■ Your goal: Find the line containing "#172=IFCINDEXEDPOLYGONALFACE((1,5,6,2));" in the records below. Copy exactly that line and each one after it, ending at the line containing "#179=IFCPRODUCTDEFINITIONSHAPE($,$,(#178));", and nothing more.

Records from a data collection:
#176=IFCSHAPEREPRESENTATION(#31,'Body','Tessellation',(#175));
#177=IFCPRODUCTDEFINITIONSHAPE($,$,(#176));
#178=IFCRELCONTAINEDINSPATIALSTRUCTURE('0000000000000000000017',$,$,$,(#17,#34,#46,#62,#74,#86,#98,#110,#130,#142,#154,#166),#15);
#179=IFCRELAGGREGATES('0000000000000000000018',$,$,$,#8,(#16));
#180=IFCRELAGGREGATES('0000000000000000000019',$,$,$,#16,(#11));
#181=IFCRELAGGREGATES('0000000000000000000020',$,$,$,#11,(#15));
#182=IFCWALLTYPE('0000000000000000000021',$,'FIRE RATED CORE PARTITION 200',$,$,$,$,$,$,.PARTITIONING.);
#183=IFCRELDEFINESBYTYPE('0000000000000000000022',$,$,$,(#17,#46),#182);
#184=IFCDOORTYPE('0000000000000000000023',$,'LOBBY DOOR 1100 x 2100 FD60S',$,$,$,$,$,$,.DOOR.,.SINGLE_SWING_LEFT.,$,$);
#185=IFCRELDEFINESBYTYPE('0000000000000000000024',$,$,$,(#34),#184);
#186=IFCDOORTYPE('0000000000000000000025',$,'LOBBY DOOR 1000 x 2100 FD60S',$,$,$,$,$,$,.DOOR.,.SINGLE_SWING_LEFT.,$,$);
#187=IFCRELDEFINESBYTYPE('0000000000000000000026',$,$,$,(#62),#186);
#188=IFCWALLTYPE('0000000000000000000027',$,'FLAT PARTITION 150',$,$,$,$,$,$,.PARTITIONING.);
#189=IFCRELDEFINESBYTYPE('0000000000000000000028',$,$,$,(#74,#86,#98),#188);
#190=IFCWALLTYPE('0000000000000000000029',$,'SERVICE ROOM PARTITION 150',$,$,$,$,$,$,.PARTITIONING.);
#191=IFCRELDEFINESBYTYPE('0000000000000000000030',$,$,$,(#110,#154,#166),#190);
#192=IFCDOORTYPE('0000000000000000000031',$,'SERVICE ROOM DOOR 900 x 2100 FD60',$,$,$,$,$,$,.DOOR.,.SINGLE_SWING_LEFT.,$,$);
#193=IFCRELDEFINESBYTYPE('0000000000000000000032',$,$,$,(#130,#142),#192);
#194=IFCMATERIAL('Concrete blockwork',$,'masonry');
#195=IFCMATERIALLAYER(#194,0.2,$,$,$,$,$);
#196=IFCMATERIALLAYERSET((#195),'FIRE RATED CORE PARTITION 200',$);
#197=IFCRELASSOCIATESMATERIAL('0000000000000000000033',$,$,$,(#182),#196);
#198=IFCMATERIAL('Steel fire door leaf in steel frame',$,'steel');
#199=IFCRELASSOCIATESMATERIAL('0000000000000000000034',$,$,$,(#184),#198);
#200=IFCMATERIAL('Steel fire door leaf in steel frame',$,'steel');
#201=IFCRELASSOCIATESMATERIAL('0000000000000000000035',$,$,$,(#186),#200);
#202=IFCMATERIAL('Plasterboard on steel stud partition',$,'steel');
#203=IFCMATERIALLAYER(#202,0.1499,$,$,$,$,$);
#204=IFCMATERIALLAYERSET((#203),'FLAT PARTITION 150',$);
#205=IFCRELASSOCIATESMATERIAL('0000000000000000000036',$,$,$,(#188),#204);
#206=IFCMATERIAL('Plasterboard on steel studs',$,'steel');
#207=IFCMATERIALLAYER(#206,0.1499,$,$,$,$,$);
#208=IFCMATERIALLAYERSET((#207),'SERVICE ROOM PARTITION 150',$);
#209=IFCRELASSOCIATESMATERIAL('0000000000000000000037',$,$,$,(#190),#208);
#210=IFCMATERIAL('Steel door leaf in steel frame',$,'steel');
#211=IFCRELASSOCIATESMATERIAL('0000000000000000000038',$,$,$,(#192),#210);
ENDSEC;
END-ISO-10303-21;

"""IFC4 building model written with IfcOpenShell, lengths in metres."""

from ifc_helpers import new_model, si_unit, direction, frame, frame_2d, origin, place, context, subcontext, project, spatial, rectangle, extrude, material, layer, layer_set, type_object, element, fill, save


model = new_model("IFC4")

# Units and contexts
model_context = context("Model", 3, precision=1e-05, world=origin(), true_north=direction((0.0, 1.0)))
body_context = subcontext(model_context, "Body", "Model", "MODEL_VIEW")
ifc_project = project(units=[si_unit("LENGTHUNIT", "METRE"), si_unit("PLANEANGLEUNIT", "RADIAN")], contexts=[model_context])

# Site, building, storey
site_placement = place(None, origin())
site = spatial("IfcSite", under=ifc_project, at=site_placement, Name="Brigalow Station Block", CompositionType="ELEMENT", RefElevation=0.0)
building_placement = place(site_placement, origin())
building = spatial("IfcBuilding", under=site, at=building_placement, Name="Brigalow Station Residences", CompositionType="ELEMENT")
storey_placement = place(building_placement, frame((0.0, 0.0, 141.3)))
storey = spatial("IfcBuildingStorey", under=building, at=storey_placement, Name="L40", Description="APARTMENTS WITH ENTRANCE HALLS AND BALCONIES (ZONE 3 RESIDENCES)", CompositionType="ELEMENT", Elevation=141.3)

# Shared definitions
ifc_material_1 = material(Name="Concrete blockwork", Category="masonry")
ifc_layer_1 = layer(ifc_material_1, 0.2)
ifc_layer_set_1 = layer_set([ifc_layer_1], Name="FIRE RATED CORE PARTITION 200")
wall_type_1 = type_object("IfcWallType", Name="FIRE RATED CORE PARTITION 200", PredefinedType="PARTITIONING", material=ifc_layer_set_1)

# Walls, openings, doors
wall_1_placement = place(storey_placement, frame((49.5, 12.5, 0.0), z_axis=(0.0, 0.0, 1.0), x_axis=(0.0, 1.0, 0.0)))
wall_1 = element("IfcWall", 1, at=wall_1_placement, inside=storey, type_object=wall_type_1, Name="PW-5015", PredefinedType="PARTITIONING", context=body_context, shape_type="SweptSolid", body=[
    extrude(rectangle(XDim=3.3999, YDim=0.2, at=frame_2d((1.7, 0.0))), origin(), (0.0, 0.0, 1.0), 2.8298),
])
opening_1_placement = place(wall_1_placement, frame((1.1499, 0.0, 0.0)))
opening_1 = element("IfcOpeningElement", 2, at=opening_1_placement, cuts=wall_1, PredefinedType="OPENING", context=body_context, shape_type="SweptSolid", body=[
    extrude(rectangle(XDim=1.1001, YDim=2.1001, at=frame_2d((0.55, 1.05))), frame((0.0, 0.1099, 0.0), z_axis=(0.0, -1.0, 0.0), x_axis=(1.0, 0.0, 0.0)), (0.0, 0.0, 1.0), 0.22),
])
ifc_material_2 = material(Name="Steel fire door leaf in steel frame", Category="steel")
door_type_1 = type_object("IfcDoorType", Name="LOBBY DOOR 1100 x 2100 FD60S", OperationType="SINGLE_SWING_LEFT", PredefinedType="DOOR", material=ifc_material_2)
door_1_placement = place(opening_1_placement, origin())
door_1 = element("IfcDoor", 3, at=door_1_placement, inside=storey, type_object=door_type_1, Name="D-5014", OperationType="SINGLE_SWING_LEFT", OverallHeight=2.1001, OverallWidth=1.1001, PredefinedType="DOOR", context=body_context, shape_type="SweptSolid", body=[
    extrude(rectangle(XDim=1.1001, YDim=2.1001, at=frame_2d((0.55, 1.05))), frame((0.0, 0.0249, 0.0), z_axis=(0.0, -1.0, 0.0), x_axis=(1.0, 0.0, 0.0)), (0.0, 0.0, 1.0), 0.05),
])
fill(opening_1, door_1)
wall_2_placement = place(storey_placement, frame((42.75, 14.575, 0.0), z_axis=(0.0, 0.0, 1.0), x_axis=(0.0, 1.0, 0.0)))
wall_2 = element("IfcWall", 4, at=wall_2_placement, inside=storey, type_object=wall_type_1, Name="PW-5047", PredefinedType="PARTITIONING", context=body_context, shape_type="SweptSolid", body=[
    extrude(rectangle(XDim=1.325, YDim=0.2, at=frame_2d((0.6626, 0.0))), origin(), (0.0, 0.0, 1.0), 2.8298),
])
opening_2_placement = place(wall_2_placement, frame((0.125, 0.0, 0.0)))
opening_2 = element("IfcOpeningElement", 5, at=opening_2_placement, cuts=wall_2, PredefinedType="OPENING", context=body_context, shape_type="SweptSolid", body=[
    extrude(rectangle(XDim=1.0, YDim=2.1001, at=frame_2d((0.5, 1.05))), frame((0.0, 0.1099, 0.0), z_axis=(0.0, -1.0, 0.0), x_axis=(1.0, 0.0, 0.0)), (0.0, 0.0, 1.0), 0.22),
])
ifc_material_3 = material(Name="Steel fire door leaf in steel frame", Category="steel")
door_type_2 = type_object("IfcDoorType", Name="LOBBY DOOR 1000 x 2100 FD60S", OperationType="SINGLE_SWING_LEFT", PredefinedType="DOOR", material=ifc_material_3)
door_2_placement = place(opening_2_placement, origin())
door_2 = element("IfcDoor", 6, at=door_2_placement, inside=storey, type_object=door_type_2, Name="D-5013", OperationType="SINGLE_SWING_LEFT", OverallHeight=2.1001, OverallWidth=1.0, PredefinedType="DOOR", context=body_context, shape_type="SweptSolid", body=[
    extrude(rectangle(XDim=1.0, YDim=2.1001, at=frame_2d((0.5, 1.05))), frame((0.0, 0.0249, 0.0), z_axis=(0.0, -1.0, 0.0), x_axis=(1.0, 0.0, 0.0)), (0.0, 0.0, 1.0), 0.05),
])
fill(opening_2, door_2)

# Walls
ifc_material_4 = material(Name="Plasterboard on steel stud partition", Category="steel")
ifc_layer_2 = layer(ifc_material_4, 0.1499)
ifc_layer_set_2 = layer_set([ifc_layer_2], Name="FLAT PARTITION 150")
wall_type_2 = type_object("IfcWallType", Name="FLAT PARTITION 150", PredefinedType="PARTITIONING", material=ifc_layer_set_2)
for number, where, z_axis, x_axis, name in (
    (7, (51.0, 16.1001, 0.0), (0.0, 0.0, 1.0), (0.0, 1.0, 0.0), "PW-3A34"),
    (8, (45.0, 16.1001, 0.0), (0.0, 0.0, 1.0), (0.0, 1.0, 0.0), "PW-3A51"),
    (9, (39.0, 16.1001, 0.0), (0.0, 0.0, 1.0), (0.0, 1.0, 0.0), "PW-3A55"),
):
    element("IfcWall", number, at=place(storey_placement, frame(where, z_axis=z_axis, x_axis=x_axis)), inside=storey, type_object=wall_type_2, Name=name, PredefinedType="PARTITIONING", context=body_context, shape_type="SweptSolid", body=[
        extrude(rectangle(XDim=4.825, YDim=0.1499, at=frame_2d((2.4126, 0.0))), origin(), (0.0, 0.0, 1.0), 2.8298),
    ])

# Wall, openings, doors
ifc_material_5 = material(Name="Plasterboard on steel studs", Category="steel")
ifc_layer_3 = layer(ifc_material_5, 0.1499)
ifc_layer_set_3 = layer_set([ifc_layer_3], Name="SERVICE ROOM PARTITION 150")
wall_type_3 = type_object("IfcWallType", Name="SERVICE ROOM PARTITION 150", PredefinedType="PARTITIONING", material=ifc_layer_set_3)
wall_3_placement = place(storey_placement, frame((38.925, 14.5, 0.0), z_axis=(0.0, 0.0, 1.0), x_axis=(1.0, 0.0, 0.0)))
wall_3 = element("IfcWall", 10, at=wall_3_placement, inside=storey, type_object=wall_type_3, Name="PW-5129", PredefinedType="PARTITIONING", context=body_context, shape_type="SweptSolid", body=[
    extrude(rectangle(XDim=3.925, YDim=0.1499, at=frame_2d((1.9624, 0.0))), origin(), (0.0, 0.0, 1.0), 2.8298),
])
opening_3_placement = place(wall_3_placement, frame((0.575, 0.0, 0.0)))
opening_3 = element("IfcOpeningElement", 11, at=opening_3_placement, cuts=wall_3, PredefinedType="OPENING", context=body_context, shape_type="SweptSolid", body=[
...
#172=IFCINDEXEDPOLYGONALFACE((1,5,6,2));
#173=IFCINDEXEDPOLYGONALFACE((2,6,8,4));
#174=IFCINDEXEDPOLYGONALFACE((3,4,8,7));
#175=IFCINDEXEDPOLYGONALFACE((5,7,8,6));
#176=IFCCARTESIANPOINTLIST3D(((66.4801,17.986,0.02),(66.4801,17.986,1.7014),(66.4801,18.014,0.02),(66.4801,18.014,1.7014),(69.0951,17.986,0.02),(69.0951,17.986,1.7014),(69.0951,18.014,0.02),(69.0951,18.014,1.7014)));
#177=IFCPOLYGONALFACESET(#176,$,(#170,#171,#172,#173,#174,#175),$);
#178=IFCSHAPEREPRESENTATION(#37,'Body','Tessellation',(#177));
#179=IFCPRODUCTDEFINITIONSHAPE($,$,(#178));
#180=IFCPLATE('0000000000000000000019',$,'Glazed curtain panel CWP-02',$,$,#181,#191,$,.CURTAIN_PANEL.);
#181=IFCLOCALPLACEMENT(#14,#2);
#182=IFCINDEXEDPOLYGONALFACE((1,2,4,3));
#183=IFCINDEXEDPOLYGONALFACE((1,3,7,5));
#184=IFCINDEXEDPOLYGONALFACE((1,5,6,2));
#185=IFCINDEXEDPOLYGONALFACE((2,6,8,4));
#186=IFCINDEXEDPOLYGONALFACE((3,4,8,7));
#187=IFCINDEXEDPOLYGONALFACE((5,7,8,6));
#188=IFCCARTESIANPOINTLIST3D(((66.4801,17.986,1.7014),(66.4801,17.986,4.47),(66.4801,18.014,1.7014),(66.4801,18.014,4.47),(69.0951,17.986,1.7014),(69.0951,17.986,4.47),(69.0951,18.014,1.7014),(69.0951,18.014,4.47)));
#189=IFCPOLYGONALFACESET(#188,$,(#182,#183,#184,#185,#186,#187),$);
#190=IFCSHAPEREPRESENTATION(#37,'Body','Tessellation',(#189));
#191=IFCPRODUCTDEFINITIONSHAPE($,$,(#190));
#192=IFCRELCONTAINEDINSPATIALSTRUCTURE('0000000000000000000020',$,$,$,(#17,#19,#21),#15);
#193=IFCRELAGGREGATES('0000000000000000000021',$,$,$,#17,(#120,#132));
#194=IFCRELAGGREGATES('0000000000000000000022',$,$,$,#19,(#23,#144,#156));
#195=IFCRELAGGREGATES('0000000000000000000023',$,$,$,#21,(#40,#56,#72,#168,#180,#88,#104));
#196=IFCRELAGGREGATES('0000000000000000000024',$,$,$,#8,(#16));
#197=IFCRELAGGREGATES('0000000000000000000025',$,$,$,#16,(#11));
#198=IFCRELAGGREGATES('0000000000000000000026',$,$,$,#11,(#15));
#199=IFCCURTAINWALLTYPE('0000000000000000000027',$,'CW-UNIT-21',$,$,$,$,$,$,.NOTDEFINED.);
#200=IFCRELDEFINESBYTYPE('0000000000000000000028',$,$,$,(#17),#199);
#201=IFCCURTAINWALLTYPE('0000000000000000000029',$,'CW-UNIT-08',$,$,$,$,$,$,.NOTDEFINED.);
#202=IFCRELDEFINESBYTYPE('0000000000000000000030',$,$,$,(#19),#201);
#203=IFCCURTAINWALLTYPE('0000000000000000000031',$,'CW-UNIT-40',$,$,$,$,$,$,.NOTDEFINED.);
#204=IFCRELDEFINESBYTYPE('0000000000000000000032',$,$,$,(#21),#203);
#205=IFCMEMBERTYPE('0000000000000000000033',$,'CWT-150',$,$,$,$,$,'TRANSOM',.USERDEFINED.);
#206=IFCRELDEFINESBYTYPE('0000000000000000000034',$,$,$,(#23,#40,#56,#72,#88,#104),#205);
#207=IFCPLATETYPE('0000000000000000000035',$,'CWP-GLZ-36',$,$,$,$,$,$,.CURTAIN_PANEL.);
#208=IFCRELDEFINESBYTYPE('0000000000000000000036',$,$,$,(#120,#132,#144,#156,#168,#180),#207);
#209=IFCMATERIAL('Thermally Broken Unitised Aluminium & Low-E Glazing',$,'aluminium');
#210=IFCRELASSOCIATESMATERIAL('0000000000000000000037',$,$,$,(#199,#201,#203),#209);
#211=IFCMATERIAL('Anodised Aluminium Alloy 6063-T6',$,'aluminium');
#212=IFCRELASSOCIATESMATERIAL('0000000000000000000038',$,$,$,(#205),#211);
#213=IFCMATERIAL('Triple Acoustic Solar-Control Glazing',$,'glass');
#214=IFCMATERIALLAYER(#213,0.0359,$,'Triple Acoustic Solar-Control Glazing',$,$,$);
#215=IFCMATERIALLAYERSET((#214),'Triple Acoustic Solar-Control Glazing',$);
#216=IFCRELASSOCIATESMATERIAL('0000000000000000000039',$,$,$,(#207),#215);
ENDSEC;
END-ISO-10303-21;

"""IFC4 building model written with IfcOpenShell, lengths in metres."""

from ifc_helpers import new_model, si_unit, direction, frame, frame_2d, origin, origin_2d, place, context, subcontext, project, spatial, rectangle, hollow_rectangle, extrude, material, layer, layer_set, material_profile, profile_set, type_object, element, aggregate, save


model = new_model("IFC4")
* * *
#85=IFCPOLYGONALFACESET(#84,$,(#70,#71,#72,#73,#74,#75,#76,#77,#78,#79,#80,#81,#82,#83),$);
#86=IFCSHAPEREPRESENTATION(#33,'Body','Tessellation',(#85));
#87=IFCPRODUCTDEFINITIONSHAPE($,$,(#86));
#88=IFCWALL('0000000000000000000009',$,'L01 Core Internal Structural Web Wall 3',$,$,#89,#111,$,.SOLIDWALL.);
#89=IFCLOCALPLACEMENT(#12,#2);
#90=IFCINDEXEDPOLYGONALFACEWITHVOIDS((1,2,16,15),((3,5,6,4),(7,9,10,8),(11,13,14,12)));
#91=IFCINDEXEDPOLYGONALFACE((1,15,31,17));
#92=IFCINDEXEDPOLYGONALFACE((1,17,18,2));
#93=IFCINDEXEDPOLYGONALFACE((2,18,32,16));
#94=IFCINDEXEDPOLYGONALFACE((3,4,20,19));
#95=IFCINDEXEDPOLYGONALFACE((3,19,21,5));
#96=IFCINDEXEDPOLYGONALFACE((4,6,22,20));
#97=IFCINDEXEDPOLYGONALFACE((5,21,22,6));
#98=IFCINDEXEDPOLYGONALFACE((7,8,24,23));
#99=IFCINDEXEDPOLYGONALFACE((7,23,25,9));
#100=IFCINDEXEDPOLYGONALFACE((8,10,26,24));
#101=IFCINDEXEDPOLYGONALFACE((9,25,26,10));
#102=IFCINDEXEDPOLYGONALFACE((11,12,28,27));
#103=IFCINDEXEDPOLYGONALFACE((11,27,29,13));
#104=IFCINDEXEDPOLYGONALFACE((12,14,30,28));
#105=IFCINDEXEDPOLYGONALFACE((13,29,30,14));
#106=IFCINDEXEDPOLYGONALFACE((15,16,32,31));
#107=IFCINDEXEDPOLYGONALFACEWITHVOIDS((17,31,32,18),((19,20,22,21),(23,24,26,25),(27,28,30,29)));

■ Result of the exercise:
#172=IFCINDEXEDPOLYGONALFACE((1,5,6,2));
#173=IFCINDEXEDPOLYGONALFACE((2,6,8,4));
#174=IFCINDEXEDPOLYGONALFACE((3,4,8,7));
#175=IFCINDEXEDPOLYGONALFACE((5,7,8,6));
#176=IFCCARTESIANPOINTLIST3D(((66.4801,17.986,0.02),(66.4801,17.986,1.7014),(66.4801,18.014,0.02),(66.4801,18.014,1.7014),(69.0951,17.986,0.02),(69.0951,17.986,1.7014),(69.0951,18.014,0.02),(69.0951,18.014,1.7014)));
#177=IFCPOLYGONALFACESET(#176,$,(#170,#171,#172,#173,#174,#175),$);
#178=IFCSHAPEREPRESENTATION(#37,'Body','Tessellation',(#177));
#179=IFCPRODUCTDEFINITIONSHAPE($,$,(#178));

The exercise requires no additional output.